### Supplied entries
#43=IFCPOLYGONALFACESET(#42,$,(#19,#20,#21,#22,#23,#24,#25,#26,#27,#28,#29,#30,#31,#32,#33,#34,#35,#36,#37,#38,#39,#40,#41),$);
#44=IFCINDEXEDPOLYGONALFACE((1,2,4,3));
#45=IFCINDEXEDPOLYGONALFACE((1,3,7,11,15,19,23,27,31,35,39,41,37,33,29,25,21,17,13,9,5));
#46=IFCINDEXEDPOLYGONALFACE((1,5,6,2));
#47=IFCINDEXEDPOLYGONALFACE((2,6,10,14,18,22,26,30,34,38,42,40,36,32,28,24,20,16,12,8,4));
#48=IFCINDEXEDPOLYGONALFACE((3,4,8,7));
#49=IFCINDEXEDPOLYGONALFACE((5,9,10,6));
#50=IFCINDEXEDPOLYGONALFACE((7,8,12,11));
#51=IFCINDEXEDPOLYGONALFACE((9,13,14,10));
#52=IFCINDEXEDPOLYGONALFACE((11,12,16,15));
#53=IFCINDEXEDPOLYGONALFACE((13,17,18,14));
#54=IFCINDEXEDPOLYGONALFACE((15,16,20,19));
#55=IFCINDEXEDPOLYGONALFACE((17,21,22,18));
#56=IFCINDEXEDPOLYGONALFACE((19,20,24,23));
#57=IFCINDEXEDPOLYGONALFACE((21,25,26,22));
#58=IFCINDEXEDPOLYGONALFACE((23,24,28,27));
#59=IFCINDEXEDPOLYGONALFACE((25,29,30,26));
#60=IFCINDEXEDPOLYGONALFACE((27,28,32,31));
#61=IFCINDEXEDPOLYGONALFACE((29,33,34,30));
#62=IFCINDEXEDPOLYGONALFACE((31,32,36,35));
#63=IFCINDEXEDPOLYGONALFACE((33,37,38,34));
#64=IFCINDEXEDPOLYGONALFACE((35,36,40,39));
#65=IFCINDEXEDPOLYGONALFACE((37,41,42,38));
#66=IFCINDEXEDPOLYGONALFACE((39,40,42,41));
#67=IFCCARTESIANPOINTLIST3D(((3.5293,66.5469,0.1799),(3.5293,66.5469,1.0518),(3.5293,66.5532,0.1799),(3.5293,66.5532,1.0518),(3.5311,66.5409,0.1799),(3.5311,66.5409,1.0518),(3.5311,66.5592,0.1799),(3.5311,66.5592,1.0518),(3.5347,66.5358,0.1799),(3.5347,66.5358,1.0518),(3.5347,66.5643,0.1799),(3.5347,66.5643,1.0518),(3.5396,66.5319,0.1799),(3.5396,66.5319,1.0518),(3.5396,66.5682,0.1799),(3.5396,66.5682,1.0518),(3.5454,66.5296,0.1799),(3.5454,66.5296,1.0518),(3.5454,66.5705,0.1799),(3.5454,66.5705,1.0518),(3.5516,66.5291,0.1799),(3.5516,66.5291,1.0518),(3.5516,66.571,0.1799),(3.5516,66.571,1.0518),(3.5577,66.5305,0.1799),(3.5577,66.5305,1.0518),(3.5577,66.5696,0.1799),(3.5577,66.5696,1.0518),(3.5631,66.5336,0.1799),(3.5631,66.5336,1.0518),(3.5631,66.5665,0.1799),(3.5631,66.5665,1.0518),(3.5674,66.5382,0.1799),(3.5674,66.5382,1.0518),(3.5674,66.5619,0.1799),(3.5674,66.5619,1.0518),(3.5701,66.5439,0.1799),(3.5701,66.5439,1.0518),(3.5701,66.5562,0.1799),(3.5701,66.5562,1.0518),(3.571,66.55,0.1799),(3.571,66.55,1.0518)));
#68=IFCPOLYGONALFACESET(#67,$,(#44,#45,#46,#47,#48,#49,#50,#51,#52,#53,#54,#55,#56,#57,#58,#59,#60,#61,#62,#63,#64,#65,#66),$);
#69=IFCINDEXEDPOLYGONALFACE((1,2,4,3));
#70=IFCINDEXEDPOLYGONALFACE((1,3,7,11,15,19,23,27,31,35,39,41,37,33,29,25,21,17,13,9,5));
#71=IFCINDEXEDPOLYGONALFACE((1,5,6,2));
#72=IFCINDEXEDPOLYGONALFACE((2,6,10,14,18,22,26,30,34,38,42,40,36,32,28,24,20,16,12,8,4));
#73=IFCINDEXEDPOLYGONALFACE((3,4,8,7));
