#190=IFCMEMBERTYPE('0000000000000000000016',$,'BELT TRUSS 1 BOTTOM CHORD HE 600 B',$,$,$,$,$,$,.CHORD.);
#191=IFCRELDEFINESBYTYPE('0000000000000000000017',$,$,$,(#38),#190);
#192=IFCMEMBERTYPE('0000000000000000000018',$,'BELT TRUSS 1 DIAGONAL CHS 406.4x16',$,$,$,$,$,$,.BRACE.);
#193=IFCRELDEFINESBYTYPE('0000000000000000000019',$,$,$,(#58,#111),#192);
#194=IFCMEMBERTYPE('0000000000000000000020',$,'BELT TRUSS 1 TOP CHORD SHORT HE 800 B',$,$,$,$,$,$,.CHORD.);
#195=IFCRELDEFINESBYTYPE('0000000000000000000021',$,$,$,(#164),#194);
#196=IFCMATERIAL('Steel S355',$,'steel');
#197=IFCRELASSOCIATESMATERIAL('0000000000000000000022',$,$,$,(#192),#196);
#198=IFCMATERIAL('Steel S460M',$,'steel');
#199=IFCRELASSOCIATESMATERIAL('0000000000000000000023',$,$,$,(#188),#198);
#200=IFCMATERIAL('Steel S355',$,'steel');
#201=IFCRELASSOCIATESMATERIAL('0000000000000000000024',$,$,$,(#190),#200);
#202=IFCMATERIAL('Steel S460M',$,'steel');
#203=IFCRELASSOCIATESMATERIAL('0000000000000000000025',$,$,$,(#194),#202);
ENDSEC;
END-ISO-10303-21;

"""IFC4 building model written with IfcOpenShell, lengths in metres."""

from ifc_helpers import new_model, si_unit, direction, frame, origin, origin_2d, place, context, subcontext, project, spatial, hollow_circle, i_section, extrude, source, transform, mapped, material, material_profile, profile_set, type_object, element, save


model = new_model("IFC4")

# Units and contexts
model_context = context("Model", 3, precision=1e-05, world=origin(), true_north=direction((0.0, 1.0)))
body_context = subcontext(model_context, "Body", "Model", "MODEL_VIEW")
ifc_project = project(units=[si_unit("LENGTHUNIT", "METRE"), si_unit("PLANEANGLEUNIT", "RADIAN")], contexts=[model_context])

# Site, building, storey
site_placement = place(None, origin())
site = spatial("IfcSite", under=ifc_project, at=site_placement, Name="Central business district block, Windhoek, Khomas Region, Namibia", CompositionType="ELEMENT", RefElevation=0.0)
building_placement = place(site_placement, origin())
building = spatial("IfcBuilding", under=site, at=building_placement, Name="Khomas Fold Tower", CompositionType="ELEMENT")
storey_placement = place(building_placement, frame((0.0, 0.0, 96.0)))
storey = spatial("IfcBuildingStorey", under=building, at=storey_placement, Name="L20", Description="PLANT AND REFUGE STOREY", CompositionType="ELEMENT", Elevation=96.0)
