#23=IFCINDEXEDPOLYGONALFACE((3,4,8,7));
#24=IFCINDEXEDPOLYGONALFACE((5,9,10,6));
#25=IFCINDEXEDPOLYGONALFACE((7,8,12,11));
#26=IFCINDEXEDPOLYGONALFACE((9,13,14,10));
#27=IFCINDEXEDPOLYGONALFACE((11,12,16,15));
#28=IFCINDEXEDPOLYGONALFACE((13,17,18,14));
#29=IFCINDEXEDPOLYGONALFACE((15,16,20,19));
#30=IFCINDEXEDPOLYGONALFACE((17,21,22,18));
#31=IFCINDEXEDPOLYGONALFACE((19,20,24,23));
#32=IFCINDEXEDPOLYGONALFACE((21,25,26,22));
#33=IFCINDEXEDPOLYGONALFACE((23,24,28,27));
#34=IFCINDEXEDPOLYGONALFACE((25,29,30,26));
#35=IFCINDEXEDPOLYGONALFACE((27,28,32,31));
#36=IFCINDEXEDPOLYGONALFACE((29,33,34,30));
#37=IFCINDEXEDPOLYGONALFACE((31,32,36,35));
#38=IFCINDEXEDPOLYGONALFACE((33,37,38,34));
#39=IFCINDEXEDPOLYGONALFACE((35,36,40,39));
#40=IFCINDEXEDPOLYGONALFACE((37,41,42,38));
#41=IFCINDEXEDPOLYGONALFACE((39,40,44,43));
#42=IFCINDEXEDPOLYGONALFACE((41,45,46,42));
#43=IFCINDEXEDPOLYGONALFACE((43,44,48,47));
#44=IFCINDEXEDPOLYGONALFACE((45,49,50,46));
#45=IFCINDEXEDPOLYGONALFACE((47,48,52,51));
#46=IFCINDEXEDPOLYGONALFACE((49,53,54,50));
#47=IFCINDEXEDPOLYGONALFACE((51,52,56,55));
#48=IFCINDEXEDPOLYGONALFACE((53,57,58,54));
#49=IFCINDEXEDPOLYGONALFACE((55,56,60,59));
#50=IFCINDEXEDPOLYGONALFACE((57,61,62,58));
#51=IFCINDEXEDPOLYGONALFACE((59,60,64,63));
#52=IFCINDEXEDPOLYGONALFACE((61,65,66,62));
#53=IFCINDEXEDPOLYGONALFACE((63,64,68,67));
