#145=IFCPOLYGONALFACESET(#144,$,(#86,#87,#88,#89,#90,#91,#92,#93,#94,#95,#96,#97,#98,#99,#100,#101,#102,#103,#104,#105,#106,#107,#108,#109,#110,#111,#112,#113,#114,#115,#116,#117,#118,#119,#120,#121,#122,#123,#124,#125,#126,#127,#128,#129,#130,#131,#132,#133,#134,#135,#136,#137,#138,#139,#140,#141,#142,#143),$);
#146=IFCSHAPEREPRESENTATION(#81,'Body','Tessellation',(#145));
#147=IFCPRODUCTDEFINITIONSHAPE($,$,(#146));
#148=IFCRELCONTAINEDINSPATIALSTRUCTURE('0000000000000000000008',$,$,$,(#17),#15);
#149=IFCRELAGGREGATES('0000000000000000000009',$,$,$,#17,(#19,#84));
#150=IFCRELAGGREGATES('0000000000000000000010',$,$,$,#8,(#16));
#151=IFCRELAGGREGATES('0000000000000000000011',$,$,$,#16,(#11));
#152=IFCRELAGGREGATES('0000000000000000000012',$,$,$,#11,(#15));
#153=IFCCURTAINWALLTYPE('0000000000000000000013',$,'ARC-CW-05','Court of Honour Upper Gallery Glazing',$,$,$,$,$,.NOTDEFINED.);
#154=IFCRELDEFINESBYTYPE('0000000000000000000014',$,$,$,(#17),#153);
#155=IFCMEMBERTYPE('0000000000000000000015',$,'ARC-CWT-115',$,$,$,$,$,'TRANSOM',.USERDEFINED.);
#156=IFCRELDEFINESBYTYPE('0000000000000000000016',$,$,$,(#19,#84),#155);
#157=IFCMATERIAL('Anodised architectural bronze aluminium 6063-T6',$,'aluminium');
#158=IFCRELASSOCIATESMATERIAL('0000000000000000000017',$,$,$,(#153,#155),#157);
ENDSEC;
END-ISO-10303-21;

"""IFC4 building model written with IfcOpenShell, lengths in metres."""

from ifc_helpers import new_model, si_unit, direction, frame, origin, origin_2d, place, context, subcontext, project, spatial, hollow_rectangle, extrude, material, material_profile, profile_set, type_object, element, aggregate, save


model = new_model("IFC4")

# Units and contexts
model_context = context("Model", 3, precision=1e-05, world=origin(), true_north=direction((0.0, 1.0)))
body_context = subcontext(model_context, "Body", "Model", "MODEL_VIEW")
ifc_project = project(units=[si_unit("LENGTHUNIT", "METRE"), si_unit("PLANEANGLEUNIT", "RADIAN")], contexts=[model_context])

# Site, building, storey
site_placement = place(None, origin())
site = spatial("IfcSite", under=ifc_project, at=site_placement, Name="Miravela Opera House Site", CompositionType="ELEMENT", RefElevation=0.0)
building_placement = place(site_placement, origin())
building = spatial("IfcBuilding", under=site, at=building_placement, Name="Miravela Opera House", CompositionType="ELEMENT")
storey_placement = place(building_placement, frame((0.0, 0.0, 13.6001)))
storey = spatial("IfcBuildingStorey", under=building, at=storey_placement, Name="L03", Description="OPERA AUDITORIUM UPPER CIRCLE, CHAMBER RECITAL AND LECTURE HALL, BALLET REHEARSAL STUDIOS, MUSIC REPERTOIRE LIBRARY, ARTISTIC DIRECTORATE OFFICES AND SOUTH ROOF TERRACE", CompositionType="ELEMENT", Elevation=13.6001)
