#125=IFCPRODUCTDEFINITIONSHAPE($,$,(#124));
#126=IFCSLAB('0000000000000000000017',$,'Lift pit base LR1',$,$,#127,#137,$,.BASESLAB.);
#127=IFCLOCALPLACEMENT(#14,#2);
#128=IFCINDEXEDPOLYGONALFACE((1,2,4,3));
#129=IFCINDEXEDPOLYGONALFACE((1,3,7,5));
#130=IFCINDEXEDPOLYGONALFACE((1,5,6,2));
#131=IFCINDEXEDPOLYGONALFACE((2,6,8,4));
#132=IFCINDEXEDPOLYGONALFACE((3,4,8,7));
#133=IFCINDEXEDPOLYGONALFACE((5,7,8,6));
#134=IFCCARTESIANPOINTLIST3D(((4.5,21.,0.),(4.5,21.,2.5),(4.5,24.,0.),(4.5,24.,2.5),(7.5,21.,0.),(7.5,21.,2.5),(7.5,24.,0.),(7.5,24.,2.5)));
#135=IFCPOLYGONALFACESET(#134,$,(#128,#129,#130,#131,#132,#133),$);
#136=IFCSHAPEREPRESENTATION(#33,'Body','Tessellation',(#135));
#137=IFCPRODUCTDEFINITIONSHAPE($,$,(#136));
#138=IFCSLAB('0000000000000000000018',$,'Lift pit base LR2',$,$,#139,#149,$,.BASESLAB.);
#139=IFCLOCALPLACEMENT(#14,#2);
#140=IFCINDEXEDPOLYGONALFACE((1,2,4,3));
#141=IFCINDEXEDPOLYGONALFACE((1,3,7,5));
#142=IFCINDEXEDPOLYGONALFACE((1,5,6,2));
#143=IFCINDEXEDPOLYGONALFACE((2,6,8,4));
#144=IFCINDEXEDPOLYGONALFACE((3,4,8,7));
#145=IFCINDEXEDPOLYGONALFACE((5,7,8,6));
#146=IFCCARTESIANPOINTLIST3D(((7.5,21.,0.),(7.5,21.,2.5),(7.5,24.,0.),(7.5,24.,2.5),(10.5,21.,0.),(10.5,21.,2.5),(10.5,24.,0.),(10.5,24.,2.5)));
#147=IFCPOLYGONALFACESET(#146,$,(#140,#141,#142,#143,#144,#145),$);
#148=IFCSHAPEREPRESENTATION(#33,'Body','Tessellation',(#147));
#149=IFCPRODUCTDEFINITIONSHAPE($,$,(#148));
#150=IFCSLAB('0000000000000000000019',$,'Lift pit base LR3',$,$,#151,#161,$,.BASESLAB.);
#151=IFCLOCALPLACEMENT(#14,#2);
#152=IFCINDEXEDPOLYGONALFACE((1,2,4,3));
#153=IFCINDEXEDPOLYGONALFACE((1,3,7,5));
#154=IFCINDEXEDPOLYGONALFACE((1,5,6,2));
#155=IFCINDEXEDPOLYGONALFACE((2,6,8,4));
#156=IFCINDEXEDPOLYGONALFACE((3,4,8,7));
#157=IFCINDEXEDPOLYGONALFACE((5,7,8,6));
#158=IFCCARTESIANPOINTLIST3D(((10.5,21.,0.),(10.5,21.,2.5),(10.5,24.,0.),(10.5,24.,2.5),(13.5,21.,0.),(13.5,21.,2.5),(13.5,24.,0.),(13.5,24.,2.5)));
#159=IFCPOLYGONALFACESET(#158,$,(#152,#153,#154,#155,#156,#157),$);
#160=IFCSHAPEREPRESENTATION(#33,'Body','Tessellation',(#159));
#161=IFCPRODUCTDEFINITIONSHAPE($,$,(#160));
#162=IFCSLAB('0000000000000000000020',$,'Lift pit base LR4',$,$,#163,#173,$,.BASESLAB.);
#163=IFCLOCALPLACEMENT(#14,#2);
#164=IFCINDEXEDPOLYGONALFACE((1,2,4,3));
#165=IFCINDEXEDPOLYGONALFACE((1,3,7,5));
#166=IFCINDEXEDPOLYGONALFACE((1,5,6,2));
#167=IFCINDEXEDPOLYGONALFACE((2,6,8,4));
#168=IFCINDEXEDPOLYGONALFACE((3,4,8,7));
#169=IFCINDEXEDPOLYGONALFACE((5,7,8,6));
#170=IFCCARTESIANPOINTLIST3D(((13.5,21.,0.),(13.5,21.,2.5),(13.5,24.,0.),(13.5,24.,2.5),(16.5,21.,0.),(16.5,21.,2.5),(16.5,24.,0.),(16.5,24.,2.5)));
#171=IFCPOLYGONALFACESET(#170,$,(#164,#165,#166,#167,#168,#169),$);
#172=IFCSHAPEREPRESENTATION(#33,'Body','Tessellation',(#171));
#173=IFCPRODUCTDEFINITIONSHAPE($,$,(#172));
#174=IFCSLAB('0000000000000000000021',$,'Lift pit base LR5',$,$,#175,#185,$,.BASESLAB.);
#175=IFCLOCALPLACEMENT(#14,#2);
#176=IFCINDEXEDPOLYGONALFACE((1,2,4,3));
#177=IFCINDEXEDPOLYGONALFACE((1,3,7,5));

### Directions
Exactly as they appear, retype the lines from the start of the records through the line containing "#66=IFCINDEXEDPOLYGONALFACE((39,40,42,41));".

### Answer area
#43=IFCPOLYGONALFACESET(#42,$,(#19,#20,#21,#22,#23,#24,#25,#26,#27,#28,#29,#30,#31,#32,#33,#34,#35,#36,#37,#38,#39,#40,#41),$);
#44=IFCINDEXEDPOLYGONALFACE((1,2,4,3));
#45=IFCINDEXEDPOLYGONALFACE((1,3,7,11,15,19,23,27,31,35,39,41,37,33,29,25,21,17,13,9,5));
#46=IFCINDEXEDPOLYGONALFACE((1,5,6,2));
#47=IFCINDEXEDPOLYGONALFACE((2,6,10,14,18,22,26,30,34,38,42,40,36,32,28,24,20,16,12,8,4));
#48=IFCINDEXEDPOLYGONALFACE((3,4,8,7));
#49=IFCINDEXEDPOLYGONALFACE((5,9,10,6));
#50=IFCINDEXEDPOLYGONALFACE((7,8,12,11));
#51=IFCINDEXEDPOLYGONALFACE((9,13,14,10));
#52=IFCINDEXEDPOLYGONALFACE((11,12,16,15));
#53=IFCINDEXEDPOLYGONALFACE((13,17,18,14));
#54=IFCINDEXEDPOLYGONALFACE((15,16,20,19));
#55=IFCINDEXEDPOLYGONALFACE((17,21,22,18));
#56=IFCINDEXEDPOLYGONALFACE((19,20,24,23));
#57=IFCINDEXEDPOLYGONALFACE((21,25,26,22));
#58=IFCINDEXEDPOLYGONALFACE((23,24,28,27));
#59=IFCINDEXEDPOLYGONALFACE((25,29,30,26));
#60=IFCINDEXEDPOLYGONALFACE((27,28,32,31));
#61=IFCINDEXEDPOLYGONALFACE((29,33,34,30));
#62=IFCINDEXEDPOLYGONALFACE((31,32,36,35));
#63=IFCINDEXEDPOLYGONALFACE((33,37,38,34));
#64=IFCINDEXEDPOLYGONALFACE((35,36,40,39));
#65=IFCINDEXEDPOLYGONALFACE((37,41,42,38));
#66=IFCINDEXEDPOLYGONALFACE((39,40,42,41));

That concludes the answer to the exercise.